• [Required action]:
Go through the following listing and count each line that contains the string "IFCPOLYGONALFACESET"; the answer is that number alone.

◆ ◆ ◆ ◆ ◆

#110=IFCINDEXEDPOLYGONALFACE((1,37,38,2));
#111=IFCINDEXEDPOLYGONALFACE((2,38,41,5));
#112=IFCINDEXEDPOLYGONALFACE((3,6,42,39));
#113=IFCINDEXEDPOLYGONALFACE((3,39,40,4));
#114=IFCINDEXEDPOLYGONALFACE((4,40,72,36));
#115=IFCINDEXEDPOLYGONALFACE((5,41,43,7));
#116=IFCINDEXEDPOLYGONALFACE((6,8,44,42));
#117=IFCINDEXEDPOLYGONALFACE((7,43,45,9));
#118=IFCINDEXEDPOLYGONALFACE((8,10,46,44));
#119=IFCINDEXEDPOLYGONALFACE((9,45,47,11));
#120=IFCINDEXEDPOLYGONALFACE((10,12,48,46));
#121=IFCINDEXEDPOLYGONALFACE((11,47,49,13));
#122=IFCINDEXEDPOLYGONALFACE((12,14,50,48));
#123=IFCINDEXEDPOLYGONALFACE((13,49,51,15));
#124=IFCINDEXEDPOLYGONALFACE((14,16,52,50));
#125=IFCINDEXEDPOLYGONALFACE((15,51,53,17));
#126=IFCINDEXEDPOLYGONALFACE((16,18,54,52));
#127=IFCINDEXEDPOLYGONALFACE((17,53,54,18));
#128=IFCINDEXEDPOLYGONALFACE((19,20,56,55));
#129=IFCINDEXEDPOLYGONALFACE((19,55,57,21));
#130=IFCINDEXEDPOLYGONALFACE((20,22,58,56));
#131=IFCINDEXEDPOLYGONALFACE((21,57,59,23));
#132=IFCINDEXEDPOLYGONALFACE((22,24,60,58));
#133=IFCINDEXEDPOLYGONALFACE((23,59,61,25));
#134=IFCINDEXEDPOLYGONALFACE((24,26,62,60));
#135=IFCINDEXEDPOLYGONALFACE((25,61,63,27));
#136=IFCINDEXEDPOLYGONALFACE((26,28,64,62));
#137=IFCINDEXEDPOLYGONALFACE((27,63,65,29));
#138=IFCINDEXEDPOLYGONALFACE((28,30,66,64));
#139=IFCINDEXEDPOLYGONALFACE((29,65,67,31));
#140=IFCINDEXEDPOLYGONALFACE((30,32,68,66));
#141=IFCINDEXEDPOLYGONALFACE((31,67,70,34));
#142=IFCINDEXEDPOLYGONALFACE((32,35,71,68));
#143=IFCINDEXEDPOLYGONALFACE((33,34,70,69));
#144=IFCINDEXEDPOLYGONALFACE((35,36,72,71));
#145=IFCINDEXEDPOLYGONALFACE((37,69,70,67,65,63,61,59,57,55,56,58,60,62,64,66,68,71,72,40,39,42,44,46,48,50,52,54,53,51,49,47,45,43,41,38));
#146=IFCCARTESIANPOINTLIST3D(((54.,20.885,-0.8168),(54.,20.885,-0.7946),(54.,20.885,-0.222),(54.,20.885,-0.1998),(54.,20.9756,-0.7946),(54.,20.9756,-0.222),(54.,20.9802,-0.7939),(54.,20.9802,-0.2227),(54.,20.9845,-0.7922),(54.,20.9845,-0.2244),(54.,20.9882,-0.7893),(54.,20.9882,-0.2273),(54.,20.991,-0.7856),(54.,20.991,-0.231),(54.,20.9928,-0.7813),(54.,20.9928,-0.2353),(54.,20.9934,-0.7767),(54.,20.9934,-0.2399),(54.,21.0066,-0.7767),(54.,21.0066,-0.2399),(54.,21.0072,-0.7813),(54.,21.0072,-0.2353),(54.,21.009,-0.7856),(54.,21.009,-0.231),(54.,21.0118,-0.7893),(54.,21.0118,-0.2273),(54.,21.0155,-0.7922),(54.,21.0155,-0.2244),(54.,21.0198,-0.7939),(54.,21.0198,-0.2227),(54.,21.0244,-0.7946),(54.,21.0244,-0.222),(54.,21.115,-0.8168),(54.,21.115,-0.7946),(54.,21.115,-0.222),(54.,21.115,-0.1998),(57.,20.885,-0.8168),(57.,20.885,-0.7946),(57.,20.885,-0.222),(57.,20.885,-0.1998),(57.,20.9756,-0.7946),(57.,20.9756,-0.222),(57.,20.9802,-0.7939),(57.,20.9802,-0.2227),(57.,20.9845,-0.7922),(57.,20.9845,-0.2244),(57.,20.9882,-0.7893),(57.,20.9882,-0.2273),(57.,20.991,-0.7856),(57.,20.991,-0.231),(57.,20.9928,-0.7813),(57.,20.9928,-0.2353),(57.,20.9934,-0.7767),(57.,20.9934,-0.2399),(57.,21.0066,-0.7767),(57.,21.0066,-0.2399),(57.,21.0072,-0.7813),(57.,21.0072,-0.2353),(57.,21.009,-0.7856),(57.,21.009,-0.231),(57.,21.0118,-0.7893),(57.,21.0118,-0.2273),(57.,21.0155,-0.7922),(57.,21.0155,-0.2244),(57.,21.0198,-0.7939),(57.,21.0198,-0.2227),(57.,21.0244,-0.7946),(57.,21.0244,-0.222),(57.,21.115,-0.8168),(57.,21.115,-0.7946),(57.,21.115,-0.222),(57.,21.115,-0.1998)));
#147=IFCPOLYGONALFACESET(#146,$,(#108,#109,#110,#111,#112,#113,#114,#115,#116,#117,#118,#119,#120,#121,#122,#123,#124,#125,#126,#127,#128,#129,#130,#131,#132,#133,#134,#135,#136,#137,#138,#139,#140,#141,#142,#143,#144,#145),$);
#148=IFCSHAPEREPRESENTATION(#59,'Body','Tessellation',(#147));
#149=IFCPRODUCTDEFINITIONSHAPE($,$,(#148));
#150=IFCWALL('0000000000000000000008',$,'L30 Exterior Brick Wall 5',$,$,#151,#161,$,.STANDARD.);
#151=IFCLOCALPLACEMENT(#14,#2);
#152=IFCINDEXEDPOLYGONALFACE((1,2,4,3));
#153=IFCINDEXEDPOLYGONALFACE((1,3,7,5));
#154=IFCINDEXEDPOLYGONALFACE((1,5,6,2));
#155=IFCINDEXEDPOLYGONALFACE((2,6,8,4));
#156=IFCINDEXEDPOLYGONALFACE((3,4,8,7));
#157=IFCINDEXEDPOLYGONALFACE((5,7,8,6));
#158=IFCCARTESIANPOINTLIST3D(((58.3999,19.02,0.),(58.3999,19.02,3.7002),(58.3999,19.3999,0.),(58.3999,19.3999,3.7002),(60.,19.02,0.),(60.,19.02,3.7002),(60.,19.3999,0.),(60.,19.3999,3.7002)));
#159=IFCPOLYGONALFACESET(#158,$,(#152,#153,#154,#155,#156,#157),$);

◆ ◆ ◆ ◆ ◆

• [Answer below]:
2